Listed records:
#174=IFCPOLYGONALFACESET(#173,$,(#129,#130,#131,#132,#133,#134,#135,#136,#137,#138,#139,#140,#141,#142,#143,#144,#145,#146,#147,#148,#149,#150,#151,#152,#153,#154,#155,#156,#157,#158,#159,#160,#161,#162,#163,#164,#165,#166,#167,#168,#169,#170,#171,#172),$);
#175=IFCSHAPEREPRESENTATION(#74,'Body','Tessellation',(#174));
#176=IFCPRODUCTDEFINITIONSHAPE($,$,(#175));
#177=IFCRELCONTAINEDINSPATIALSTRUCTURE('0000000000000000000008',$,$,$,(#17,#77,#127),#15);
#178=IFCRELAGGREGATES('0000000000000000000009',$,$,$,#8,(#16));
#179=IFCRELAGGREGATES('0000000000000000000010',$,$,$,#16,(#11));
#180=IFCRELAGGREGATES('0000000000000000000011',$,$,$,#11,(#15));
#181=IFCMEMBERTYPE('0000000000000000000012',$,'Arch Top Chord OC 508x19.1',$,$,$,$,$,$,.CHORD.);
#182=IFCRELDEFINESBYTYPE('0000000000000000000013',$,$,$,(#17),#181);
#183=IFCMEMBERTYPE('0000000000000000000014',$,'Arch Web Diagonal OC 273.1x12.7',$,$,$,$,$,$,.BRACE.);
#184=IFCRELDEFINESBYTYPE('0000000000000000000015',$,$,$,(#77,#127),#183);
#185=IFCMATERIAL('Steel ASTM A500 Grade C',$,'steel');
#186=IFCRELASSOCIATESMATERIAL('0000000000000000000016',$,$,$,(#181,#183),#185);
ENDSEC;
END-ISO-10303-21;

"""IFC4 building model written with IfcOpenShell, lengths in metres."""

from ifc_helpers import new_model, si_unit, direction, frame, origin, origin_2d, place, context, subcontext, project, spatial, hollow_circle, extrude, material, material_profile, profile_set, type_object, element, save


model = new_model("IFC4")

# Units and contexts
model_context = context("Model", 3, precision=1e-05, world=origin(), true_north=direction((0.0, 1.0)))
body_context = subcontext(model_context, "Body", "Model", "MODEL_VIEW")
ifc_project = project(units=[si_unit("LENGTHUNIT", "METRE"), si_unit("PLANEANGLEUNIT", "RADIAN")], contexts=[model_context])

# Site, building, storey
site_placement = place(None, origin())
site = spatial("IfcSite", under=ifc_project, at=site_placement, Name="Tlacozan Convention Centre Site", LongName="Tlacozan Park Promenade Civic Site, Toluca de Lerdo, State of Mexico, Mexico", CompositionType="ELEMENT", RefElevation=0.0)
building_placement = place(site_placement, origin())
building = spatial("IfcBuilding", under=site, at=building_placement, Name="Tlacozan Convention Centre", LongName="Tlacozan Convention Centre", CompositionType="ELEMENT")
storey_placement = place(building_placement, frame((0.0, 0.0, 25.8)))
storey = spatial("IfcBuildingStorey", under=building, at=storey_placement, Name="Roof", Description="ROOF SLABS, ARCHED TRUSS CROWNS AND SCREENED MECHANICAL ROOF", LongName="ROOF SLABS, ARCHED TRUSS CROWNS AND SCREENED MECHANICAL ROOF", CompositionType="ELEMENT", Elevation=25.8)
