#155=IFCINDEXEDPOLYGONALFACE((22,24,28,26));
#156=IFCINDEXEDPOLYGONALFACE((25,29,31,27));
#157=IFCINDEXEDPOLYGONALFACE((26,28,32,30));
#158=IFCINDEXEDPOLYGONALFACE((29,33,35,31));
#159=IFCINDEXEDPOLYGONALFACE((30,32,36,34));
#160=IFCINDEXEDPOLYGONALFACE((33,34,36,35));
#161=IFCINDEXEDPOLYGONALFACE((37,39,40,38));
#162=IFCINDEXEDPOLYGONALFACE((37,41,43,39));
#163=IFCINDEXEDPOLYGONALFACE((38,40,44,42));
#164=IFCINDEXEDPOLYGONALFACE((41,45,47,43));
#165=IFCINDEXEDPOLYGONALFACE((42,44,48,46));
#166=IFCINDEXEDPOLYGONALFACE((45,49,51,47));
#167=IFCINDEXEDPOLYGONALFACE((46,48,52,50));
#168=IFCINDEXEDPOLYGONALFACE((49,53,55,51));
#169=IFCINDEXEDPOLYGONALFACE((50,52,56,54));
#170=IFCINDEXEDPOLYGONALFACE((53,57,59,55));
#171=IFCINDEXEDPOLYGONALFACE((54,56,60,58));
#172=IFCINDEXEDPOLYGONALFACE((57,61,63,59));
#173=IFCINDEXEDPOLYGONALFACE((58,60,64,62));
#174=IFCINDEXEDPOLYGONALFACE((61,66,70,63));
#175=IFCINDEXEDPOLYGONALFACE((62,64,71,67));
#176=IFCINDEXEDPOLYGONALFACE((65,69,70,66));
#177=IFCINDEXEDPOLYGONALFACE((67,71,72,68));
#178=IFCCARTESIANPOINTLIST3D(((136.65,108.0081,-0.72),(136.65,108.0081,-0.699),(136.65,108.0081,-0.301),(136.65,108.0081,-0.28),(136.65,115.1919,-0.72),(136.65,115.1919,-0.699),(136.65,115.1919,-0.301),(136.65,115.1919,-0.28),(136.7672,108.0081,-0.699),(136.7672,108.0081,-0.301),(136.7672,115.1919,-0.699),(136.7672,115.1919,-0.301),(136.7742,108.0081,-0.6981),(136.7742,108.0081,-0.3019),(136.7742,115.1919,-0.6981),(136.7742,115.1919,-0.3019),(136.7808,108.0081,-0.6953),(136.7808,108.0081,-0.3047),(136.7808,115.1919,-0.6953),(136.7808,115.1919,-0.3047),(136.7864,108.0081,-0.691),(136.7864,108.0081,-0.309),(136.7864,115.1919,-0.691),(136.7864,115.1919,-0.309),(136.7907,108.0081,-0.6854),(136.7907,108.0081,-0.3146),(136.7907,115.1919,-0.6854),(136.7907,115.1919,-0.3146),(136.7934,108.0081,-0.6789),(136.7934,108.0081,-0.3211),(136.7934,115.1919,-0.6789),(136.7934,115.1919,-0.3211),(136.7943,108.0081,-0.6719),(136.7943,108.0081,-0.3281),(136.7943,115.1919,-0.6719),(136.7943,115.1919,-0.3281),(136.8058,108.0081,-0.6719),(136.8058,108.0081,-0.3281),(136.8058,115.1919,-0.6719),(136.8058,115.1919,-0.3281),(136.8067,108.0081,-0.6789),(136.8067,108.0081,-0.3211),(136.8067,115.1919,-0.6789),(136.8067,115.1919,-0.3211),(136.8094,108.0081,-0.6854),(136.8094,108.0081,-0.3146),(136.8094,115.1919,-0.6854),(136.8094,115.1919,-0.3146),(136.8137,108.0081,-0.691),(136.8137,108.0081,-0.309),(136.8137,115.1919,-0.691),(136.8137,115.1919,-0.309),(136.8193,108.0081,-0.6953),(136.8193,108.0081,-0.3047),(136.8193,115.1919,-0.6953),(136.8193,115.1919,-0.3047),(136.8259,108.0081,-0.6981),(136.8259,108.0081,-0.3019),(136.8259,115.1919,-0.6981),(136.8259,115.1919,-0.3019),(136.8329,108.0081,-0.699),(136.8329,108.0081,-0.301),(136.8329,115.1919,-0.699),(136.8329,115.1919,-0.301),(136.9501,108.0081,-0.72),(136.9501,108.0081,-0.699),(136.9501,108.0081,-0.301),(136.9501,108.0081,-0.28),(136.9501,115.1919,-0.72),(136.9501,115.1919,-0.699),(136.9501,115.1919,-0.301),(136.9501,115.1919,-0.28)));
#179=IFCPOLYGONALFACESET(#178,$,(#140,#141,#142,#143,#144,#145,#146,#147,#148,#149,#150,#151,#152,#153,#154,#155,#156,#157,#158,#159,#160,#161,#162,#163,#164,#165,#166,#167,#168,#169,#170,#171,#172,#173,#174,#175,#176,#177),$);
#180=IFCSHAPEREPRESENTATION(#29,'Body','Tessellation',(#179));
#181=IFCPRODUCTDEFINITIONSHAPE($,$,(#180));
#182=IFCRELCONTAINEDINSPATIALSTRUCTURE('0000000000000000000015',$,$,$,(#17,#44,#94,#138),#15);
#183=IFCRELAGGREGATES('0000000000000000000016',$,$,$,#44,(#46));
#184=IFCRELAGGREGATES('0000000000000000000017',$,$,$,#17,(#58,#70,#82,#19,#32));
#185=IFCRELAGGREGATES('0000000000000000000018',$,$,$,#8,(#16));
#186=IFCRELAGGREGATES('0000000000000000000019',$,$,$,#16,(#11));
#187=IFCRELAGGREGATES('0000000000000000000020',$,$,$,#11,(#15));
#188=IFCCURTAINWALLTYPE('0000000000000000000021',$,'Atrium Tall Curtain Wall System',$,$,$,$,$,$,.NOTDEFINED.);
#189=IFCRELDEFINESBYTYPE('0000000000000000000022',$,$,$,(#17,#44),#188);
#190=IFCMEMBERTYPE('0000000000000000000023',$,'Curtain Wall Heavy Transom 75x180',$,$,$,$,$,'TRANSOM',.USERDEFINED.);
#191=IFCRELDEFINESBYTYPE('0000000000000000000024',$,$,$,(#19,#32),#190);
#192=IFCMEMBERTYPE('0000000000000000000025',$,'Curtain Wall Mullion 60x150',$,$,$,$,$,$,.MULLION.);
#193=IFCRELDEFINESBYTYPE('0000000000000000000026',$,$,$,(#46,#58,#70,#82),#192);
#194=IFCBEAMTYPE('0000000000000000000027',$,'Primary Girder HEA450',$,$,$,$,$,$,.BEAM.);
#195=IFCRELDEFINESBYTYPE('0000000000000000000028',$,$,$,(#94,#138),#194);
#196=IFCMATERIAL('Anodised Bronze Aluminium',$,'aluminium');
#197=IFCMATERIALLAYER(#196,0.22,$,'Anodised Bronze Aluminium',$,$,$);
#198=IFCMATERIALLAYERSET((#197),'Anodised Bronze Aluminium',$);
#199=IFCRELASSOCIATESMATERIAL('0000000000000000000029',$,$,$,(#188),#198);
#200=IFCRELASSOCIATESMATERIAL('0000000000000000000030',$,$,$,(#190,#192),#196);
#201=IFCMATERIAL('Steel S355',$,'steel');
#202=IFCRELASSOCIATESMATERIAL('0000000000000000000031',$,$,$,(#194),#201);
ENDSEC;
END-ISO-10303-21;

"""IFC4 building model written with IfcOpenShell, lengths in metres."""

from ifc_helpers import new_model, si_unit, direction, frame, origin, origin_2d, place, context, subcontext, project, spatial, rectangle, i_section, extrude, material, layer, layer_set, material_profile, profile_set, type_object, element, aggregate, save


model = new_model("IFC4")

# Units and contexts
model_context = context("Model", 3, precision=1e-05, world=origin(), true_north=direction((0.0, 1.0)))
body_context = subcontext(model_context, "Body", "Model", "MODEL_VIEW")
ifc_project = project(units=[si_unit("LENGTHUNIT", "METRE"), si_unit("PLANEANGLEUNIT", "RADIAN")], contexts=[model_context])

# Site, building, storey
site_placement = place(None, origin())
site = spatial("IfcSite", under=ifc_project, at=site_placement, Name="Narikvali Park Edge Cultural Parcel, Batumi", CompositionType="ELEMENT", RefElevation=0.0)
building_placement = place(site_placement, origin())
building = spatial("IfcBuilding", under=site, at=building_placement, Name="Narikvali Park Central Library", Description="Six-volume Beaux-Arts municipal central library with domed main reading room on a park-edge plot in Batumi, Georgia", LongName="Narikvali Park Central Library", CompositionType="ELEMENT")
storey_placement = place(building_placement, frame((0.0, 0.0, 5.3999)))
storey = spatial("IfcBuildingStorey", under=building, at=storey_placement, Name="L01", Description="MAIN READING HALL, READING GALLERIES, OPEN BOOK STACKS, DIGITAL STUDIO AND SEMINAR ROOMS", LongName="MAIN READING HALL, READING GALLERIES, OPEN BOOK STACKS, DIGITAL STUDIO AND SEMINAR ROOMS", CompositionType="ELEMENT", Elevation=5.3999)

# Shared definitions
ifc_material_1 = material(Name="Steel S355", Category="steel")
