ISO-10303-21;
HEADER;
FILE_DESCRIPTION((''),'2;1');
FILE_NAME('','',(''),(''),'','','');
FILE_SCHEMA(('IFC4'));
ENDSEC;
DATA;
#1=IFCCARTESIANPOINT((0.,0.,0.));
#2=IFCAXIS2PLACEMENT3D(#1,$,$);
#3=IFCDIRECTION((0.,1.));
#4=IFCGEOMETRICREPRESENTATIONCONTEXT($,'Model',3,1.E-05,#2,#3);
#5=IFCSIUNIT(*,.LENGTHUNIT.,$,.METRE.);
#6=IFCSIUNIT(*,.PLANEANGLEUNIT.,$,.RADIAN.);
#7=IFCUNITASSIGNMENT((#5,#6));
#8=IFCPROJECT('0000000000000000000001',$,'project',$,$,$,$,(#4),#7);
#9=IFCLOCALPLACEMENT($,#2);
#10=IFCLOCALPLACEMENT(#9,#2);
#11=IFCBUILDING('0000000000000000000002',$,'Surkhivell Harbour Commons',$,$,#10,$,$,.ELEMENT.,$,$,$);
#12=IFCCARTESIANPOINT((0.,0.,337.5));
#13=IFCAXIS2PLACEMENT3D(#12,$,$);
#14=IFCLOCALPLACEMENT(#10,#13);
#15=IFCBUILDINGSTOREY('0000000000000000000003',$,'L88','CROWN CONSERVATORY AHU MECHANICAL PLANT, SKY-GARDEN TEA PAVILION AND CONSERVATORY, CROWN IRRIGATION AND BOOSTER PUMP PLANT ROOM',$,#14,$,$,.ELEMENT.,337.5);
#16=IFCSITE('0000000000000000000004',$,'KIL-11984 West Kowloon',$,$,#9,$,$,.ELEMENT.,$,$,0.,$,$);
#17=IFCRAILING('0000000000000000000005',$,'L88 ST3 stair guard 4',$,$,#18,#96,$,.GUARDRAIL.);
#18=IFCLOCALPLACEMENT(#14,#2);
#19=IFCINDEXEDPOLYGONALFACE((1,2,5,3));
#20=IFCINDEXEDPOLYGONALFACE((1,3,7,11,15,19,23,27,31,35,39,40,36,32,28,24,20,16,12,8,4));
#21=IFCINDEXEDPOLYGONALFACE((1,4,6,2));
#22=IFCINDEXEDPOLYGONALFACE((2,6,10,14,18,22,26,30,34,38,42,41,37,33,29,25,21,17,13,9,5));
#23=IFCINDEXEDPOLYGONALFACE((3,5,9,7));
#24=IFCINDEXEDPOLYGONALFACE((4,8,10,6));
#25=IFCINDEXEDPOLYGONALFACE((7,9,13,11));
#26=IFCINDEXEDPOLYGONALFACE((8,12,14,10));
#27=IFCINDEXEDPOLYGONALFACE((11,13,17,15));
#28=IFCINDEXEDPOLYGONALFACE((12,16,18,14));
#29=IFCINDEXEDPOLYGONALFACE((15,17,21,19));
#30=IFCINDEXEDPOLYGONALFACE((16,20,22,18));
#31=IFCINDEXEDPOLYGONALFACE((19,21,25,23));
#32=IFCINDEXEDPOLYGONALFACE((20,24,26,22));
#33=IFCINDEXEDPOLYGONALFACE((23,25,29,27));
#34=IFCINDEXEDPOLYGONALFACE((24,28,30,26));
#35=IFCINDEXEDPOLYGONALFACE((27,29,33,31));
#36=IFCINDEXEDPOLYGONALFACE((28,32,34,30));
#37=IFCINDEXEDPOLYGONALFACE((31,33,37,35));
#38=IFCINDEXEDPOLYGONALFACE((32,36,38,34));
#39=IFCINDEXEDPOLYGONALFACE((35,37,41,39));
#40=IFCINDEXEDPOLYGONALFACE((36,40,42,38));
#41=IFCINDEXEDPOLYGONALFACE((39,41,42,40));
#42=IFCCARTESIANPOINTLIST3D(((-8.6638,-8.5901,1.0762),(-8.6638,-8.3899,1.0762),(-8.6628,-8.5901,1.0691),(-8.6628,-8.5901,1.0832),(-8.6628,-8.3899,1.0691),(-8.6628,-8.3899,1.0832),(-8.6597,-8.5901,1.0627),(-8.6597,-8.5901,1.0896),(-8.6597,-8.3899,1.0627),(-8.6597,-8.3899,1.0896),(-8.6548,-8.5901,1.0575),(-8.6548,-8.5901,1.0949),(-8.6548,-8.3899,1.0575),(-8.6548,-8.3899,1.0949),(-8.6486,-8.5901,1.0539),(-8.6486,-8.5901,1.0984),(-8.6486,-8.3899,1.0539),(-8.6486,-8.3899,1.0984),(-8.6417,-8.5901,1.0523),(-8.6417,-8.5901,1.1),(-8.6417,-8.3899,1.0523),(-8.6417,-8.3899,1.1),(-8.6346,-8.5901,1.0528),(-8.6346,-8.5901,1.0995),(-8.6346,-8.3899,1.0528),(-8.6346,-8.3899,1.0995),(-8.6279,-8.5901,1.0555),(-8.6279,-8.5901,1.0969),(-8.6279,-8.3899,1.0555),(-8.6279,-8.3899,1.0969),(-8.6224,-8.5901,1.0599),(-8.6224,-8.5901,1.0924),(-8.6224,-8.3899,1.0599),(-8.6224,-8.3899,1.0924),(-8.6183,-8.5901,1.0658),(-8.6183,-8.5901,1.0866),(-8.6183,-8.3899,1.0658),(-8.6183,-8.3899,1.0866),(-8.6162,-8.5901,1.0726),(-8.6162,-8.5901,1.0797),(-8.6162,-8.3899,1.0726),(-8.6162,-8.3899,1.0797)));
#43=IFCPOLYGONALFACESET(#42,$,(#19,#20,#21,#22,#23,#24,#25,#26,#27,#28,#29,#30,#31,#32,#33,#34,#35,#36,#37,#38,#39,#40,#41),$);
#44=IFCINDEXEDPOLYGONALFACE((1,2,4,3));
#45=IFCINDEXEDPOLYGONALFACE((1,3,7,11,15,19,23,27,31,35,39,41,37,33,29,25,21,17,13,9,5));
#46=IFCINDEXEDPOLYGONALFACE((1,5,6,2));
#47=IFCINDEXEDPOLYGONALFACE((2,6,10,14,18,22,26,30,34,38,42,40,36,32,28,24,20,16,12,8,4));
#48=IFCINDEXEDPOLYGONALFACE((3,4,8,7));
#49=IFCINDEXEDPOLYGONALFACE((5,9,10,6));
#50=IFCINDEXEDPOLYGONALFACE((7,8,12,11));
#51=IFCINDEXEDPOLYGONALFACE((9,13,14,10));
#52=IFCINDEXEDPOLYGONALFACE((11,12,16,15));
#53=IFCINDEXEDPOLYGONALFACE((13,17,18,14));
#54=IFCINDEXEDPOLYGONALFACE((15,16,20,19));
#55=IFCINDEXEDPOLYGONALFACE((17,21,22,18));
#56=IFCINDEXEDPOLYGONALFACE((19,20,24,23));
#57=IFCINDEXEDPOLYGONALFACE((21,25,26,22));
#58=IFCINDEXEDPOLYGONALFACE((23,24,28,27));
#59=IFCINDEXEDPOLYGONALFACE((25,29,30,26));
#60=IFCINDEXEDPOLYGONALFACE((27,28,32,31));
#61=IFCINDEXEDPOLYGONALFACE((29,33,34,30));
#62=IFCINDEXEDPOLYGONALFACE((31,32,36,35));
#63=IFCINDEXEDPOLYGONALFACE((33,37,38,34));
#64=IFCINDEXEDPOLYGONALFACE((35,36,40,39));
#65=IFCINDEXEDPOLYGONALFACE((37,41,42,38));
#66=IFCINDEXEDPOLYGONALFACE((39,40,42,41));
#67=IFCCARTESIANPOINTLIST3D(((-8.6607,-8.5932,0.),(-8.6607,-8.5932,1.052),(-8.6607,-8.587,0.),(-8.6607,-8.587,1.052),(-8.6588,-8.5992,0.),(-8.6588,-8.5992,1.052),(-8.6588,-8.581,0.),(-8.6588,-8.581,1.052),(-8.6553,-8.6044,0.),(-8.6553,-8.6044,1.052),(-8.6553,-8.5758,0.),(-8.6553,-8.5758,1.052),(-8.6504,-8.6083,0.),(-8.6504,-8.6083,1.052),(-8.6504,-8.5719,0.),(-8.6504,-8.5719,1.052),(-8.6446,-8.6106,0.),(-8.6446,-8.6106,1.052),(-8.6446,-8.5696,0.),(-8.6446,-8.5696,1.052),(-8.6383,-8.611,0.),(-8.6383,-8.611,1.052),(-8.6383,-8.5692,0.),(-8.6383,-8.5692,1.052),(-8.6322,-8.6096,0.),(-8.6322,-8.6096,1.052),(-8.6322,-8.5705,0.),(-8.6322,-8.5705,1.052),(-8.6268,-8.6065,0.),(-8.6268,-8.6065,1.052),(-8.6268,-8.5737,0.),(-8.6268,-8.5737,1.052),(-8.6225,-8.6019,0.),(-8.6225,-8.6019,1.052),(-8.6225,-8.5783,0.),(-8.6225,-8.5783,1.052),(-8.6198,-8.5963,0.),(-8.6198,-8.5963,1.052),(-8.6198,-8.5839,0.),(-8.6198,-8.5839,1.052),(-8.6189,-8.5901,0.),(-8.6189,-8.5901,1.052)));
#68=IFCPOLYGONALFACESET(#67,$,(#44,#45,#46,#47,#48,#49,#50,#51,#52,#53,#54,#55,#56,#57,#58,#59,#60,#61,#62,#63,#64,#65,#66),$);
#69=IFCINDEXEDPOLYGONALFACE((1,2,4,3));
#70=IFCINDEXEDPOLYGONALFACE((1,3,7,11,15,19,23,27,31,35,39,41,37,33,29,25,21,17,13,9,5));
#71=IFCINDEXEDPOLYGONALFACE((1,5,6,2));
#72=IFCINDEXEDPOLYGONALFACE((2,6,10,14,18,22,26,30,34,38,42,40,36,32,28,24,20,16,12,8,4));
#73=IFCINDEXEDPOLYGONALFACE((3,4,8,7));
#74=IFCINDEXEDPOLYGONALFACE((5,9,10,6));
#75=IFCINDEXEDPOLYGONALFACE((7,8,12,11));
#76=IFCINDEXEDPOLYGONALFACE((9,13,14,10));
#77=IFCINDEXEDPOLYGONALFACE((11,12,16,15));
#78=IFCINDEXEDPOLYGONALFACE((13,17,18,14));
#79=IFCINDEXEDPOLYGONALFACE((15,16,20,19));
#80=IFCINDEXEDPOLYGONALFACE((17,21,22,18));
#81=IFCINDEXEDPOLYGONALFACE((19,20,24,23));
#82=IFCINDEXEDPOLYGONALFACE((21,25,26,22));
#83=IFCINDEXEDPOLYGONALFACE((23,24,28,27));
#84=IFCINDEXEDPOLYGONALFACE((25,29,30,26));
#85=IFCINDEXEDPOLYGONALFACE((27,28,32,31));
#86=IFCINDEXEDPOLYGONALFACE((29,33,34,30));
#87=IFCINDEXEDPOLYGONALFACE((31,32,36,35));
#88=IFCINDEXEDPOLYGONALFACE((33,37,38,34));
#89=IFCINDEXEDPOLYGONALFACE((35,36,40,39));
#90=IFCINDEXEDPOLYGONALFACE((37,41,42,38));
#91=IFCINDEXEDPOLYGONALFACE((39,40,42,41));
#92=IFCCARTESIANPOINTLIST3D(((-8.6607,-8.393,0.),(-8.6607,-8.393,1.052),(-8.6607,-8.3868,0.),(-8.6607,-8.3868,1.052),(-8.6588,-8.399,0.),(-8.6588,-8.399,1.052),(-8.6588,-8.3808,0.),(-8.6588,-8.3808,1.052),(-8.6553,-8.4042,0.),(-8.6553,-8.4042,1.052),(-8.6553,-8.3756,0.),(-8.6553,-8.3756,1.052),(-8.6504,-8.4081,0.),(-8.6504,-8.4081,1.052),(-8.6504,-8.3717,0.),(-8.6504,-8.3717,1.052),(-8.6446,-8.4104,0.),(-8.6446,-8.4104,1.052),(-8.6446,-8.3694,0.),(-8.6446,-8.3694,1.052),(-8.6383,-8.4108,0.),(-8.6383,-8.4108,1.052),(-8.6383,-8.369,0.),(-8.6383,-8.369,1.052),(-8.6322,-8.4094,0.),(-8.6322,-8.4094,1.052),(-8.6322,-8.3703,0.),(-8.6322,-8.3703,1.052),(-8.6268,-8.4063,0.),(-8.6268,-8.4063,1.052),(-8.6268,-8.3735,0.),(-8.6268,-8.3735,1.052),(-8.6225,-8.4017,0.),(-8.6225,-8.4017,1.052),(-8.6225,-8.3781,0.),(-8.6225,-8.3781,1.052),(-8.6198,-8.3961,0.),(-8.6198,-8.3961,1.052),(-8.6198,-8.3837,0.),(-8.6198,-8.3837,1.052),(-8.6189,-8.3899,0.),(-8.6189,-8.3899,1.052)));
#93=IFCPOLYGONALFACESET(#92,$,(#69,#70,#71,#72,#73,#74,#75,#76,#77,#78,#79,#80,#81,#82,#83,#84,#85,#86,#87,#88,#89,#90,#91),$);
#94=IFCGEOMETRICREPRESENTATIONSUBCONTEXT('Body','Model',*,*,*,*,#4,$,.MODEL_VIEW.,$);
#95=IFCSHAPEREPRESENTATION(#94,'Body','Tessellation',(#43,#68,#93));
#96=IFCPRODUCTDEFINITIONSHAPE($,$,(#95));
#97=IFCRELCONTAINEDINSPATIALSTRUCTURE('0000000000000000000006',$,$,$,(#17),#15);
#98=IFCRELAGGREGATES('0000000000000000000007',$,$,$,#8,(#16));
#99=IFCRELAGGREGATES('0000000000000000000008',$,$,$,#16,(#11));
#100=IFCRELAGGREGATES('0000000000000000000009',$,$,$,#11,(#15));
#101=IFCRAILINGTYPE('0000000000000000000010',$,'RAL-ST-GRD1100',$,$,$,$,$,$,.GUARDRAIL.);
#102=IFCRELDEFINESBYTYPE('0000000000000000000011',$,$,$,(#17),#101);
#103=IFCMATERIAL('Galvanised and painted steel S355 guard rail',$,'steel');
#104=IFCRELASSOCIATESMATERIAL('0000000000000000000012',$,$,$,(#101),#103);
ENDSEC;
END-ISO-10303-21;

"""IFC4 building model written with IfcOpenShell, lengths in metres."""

from ifc_helpers import new_model, si_unit, direction, frame, origin, origin_2d, place, context, subcontext, project, spatial, circle, extrude, material, type_object, element, save


model = new_model("IFC4")

# Units and contexts
model_context = context("Model", 3, precision=1e-05, world=origin(), true_north=direction((0.0, 1.0)))
body_context = subcontext(model_context, "Body", "Model", "MODEL_VIEW")
ifc_project = project(units=[si_unit("LENGTHUNIT", "METRE"), si_unit("PLANEANGLEUNIT", "RADIAN")], contexts=[model_context])

# Site, building, storey
site_placement = place(None, origin())
site = spatial("IfcSite", under=ifc_project, at=site_placement, Name="KIL-11984 West Kowloon", CompositionType="ELEMENT", RefElevation=0.0)
building_placement = place(site_placement, origin())
building = spatial("IfcBuilding", under=site, at=building_placement, Name="Surkhivell Harbour Commons", CompositionType="ELEMENT")
storey_placement = place(building_placement, frame((0.0, 0.0, 337.5)))
storey = spatial("IfcBuildingStorey", under=building, at=storey_placement, Name="L88", Description="CROWN CONSERVATORY AHU MECHANICAL PLANT, SKY-GARDEN TEA PAVILION AND CONSERVATORY, CROWN IRRIGATION AND BOOSTER PUMP PLANT ROOM", CompositionType="ELEMENT", Elevation=337.5)

# Railing
ifc_material_1 = material(Name="Galvanised and painted steel S355 guard rail", Category="steel")
railing_type_1 = type_object("IfcRailingType", Name="RAL-ST-GRD1100", PredefinedType="GUARDRAIL", material=ifc_material_1)
railing_1_placement = place(storey_placement, frame((-8.6399, -8.5901, 0.0)))
element("IfcRailing", 1, at=railing_1_placement, inside=storey, type_object=railing_type_1, Name="L88 ST3 stair guard 4", PredefinedType="GUARDRAIL", context=body_context, shape_type="SweptSolid", body=[
    extrude(circle(Radius=0.0239, at=origin_2d()), frame((0.0, 0.0, 1.0762), z_axis=(0.0, 1.0, 0.0), x_axis=(-1.0, 0.0, 0.0)), (0.0, 0.0, 1.0), 0.2002),
    extrude(circle(Radius=0.021, at=origin_2d()), origin(), (0.0, 0.0, 1.0), 1.052),
    extrude(circle(Radius=0.021, at=origin_2d()), frame((0.0, 0.2002, 0.0)), (0.0, 0.0, 1.0), 1.052),
])

save(model, "model.ifc")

Try it:
Display each line of the data where "IFCSHAPEREPRESENTATION" occurs.

Your solution:
#175=IFCSHAPEREPRESENTATION(#74,'Body','Tessellation',(#174));
#180=IFCSHAPEREPRESENTATION(#29,'Body','Tessellation',(#179));
#95=IFCSHAPEREPRESENTATION(#94,'Body','Tessellation',(#43,#68,#93));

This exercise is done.